> _WHAT IS NEEDED_
Transcribe only part of the material below: the lines from the one containing "#176=IFCINDEXEDPOLYGONALFACE((3,4,8,7));" through the one containing "#197=IFCINDEXEDPOLYGONALFACE((5,7,8,6));", inclusive, exactly as written.

+++ DATA FOR THIS TASK

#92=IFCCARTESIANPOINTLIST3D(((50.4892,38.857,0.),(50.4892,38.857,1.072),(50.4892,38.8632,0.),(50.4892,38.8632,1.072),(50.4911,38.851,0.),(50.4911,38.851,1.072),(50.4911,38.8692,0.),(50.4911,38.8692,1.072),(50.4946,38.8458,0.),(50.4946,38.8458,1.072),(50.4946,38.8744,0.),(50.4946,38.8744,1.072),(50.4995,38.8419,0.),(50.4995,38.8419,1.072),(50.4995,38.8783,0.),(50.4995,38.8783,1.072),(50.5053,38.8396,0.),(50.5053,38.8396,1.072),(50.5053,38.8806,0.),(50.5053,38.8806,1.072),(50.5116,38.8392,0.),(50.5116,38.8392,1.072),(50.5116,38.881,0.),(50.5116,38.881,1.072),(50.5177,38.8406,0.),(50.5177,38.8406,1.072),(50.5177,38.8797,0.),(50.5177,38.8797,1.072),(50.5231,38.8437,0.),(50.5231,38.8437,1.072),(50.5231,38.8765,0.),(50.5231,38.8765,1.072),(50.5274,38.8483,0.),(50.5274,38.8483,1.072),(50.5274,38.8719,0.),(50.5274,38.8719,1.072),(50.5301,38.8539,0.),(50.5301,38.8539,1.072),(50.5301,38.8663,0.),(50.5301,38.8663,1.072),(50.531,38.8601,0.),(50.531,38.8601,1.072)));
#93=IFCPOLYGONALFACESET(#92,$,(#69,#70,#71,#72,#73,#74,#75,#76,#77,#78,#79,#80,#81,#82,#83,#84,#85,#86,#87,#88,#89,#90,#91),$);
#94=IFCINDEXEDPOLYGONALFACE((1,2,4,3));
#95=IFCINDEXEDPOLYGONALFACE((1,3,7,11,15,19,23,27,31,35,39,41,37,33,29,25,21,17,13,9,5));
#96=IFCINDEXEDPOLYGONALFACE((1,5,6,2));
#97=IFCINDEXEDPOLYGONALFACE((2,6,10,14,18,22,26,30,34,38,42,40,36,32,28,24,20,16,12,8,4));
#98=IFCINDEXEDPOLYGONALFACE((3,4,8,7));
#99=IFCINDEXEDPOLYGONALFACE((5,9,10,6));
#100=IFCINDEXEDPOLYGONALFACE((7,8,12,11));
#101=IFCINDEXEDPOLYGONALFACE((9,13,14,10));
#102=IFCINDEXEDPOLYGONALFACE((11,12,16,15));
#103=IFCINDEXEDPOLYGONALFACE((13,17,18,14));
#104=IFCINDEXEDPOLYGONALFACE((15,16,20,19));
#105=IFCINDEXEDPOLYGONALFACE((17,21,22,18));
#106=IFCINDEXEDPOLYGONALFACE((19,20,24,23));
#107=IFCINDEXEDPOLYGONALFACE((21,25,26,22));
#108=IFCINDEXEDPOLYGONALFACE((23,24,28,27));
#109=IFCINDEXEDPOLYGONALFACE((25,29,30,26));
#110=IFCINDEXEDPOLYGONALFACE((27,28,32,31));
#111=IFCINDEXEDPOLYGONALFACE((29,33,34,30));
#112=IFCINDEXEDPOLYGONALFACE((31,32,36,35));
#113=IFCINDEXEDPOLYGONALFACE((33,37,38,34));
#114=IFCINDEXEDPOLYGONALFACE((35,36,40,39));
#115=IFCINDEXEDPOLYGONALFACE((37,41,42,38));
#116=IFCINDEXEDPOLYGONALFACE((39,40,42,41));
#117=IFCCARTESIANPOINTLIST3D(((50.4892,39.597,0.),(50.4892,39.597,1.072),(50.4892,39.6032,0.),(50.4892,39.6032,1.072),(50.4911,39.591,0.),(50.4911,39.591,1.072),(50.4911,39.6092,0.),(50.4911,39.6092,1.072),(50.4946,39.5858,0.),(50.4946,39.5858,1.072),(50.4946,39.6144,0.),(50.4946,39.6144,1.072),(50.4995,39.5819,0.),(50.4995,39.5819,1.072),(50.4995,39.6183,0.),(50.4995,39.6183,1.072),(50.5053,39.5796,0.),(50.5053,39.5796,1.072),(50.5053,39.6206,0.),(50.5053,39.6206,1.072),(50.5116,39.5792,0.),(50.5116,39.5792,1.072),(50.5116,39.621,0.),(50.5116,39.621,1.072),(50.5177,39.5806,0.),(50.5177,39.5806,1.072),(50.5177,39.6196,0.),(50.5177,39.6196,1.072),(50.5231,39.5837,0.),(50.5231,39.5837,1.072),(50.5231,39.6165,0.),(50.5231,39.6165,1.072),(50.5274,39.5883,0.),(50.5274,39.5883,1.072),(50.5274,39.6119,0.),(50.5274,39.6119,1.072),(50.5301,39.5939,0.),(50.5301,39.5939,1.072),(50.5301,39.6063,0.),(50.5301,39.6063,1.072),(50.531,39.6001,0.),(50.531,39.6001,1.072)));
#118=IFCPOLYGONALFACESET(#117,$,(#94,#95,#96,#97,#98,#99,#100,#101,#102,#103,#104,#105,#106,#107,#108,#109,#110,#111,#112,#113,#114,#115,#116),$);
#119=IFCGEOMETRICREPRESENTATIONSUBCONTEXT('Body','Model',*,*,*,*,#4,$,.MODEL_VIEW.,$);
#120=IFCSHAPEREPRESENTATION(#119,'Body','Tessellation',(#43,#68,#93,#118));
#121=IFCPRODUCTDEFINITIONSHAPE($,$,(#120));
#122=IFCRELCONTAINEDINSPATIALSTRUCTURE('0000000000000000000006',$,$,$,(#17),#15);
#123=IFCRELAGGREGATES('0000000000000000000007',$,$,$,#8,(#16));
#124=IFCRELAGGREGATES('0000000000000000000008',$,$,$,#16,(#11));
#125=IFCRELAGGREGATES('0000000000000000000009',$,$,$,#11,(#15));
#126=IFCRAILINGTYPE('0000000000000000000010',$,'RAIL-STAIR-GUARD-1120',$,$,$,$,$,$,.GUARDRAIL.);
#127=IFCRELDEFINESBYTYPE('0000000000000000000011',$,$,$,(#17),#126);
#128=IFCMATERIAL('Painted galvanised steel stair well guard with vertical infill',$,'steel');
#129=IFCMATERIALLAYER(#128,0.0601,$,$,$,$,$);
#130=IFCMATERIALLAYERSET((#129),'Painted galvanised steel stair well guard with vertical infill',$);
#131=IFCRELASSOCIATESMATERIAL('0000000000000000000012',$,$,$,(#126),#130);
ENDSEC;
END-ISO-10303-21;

++++++
+++ DATA FOR THIS TASK

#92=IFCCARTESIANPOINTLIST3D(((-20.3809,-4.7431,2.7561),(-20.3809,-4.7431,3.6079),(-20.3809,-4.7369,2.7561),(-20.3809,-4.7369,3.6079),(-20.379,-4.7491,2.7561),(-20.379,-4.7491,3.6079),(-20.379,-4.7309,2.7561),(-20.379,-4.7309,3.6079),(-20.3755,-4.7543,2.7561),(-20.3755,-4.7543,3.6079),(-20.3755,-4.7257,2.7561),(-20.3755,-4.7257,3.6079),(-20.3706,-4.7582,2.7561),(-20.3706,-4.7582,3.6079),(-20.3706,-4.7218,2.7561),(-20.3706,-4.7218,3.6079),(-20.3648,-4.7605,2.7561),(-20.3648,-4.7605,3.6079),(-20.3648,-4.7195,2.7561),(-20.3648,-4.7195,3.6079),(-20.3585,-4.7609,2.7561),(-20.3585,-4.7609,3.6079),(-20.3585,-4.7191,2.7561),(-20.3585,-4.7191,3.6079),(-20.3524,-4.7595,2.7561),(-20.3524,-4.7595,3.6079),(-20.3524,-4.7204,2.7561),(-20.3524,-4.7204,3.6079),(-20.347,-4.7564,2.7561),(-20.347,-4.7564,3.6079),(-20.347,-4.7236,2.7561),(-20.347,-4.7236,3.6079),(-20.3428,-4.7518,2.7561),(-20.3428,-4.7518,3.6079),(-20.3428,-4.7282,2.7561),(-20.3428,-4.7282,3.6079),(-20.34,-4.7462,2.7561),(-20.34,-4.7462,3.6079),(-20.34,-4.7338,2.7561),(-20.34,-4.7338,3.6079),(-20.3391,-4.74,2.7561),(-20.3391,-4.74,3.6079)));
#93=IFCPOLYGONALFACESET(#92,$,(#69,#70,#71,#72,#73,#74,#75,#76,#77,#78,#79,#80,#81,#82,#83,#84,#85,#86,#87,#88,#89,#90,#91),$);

++++++
+++ DATA FOR THIS TASK

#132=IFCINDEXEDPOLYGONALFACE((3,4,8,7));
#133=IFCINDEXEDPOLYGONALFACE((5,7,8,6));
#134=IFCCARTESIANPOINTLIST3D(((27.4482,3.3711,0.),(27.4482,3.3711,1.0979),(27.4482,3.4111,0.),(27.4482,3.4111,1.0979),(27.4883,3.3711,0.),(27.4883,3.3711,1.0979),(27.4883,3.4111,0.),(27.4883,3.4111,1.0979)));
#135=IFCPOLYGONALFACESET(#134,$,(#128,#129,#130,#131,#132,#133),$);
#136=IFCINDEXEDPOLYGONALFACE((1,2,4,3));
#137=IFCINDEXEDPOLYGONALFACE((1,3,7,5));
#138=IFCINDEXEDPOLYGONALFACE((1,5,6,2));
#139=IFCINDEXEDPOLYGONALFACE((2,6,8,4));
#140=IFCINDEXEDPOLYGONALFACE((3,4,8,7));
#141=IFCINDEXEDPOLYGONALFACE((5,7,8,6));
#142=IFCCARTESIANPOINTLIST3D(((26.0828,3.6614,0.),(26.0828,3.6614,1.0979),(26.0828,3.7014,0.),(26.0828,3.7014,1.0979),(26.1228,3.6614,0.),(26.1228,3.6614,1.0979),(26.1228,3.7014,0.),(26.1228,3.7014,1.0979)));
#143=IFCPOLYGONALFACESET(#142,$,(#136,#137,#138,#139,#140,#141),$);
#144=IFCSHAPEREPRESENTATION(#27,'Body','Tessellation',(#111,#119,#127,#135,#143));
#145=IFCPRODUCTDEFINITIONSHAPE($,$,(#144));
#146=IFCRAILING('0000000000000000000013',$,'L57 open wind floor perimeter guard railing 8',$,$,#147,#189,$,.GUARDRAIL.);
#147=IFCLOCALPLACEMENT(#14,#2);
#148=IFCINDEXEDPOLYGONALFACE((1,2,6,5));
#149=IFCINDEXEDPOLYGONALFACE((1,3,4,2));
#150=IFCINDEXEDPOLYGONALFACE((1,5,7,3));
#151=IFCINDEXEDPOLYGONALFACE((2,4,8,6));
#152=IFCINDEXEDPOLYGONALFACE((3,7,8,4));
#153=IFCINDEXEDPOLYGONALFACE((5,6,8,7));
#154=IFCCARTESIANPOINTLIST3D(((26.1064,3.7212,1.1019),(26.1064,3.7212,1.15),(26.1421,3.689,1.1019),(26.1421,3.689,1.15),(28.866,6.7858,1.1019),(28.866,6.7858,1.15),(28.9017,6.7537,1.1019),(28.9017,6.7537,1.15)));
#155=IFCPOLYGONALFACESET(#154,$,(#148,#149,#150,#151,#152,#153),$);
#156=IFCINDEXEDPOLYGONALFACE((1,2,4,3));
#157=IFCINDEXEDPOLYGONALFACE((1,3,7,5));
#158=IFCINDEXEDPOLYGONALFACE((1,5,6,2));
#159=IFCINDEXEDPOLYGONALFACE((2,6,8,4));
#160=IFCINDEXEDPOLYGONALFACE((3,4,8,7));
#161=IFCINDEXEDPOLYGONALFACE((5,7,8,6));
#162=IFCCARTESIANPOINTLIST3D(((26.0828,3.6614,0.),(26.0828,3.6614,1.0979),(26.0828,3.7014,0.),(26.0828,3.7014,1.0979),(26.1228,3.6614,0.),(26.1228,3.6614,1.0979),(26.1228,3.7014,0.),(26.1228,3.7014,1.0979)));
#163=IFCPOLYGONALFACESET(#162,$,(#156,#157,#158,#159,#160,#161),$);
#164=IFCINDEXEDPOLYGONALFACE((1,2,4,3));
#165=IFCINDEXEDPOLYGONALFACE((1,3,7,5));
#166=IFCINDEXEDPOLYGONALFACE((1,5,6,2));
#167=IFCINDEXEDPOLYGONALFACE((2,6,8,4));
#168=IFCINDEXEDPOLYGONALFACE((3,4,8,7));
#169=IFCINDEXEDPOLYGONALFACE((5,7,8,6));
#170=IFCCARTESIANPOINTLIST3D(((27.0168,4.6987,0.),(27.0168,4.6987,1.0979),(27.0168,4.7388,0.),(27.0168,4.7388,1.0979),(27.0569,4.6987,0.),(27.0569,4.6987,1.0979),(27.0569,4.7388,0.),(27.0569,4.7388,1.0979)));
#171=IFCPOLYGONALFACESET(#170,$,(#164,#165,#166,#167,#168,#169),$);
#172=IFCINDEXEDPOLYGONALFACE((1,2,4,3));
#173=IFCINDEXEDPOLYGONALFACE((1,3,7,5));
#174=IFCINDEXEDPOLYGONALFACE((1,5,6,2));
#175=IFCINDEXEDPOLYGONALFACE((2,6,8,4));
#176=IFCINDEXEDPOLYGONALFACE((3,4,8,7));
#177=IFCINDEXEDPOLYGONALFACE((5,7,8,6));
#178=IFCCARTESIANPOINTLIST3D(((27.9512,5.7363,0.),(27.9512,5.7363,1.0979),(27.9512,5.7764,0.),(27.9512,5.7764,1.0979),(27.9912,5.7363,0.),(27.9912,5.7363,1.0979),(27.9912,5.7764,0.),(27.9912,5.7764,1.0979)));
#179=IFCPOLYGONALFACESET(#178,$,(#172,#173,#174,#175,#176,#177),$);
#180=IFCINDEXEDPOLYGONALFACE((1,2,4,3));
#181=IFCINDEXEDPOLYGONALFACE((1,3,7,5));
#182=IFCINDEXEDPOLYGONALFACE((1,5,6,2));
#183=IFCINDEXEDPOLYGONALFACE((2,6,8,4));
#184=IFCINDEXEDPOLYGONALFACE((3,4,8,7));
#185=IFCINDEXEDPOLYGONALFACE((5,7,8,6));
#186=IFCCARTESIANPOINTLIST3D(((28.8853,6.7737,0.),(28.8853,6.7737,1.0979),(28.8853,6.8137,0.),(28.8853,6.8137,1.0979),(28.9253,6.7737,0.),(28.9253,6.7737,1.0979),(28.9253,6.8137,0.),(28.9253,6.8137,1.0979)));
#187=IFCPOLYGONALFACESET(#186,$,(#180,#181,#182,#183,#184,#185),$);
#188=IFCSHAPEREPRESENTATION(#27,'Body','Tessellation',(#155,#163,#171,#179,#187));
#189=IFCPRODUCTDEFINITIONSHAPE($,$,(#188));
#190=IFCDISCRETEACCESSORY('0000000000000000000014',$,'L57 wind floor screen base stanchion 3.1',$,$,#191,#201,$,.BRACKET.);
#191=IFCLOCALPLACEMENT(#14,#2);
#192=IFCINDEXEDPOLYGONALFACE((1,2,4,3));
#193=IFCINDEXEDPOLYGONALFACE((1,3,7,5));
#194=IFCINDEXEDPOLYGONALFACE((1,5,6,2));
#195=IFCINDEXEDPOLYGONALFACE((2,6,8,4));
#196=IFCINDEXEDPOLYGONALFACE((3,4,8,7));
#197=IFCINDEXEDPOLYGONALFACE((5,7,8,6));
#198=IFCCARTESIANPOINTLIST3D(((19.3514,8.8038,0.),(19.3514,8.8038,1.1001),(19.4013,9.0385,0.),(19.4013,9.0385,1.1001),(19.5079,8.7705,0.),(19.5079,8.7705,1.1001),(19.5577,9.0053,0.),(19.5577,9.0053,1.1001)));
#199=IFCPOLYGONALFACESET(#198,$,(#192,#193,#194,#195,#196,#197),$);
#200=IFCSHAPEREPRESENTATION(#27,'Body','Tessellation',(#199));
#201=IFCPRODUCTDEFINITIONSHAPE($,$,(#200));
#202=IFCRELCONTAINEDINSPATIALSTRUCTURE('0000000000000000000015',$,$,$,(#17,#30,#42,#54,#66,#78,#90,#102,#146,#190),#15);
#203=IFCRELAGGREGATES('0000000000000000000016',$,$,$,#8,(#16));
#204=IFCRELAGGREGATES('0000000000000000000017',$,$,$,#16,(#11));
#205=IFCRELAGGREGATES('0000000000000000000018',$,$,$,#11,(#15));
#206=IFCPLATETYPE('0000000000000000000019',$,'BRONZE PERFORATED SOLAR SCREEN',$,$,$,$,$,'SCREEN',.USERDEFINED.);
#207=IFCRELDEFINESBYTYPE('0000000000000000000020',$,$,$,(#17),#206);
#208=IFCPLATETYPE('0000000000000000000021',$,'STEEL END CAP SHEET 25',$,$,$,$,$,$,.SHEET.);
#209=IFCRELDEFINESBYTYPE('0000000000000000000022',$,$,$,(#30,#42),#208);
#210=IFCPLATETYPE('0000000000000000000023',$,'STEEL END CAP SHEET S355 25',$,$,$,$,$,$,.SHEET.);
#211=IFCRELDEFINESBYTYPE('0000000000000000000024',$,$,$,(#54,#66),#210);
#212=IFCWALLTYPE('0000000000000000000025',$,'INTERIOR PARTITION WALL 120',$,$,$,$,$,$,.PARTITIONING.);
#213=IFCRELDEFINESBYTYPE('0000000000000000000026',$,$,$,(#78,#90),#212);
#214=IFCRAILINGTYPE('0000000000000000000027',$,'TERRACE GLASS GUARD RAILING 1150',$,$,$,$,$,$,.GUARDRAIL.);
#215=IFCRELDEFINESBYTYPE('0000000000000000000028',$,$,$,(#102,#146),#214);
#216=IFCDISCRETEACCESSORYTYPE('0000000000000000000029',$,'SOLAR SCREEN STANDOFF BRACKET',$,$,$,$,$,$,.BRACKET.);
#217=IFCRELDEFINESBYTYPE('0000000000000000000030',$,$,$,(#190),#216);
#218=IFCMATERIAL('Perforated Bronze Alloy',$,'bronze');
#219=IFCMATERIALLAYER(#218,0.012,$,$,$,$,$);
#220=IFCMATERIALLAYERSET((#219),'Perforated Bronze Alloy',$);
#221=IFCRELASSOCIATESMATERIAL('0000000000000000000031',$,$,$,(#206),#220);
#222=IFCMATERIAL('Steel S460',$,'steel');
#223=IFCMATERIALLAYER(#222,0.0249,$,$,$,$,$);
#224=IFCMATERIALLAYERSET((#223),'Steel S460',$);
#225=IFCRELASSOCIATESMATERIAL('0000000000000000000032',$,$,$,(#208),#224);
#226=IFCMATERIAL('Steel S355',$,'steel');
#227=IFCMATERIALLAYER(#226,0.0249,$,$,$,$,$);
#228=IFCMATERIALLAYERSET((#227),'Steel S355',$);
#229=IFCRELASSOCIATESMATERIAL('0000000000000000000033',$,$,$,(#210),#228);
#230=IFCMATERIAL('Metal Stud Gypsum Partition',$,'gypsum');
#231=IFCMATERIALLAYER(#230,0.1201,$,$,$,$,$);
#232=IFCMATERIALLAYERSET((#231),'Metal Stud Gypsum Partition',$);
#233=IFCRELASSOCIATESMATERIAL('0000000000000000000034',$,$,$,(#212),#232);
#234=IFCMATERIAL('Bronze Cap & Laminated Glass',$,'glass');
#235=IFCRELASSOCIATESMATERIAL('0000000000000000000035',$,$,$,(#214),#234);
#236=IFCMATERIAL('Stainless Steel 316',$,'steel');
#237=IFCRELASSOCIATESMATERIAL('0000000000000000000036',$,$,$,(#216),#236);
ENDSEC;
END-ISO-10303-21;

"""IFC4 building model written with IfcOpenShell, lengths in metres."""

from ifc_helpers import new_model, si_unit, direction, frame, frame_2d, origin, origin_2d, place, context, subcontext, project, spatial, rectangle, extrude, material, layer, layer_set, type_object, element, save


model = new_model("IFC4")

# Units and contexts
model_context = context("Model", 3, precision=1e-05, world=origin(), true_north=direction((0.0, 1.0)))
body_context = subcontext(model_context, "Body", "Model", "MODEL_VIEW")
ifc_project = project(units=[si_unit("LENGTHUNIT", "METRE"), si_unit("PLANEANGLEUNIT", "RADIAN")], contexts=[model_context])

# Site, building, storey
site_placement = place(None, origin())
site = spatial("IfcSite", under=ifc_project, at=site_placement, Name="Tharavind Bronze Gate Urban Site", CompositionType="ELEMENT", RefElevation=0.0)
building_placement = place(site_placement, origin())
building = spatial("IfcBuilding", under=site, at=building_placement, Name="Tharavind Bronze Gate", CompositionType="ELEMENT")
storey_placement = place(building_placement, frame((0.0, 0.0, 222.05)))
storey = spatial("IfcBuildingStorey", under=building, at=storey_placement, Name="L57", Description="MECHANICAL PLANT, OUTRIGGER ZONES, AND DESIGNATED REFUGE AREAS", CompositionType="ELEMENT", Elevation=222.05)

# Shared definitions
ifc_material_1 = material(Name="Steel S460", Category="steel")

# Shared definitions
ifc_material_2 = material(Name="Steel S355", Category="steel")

++++++

> _WRITTEN ANSWER_
#176=IFCINDEXEDPOLYGONALFACE((3,4,8,7));
#177=IFCINDEXEDPOLYGONALFACE((5,7,8,6));
#178=IFCCARTESIANPOINTLIST3D(((27.9512,5.7363,0.),(27.9512,5.7363,1.0979),(27.9512,5.7764,0.),(27.9512,5.7764,1.0979),(27.9912,5.7363,0.),(27.9912,5.7363,1.0979),(27.9912,5.7764,0.),(27.9912,5.7764,1.0979)));
#179=IFCPOLYGONALFACESET(#178,$,(#172,#173,#174,#175,#176,#177),$);
#180=IFCINDEXEDPOLYGONALFACE((1,2,4,3));
#181=IFCINDEXEDPOLYGONALFACE((1,3,7,5));
#182=IFCINDEXEDPOLYGONALFACE((1,5,6,2));
#183=IFCINDEXEDPOLYGONALFACE((2,6,8,4));
#184=IFCINDEXEDPOLYGONALFACE((3,4,8,7));
#185=IFCINDEXEDPOLYGONALFACE((5,7,8,6));
#186=IFCCARTESIANPOINTLIST3D(((28.8853,6.7737,0.),(28.8853,6.7737,1.0979),(28.8853,6.8137,0.),(28.8853,6.8137,1.0979),(28.9253,6.7737,0.),(28.9253,6.7737,1.0979),(28.9253,6.8137,0.),(28.9253,6.8137,1.0979)));
#187=IFCPOLYGONALFACESET(#186,$,(#180,#181,#182,#183,#184,#185),$);
#188=IFCSHAPEREPRESENTATION(#27,'Body','Tessellation',(#155,#163,#171,#179,#187));
#189=IFCPRODUCTDEFINITIONSHAPE($,$,(#188));
#190=IFCDISCRETEACCESSORY('0000000000000000000014',$,'L57 wind floor screen base stanchion 3.1',$,$,#191,#201,$,.BRACKET.);
#191=IFCLOCALPLACEMENT(#14,#2);
#192=IFCINDEXEDPOLYGONALFACE((1,2,4,3));
#193=IFCINDEXEDPOLYGONALFACE((1,3,7,5));
#194=IFCINDEXEDPOLYGONALFACE((1,5,6,2));
#195=IFCINDEXEDPOLYGONALFACE((2,6,8,4));
#196=IFCINDEXEDPOLYGONALFACE((3,4,8,7));
#197=IFCINDEXEDPOLYGONALFACE((5,7,8,6));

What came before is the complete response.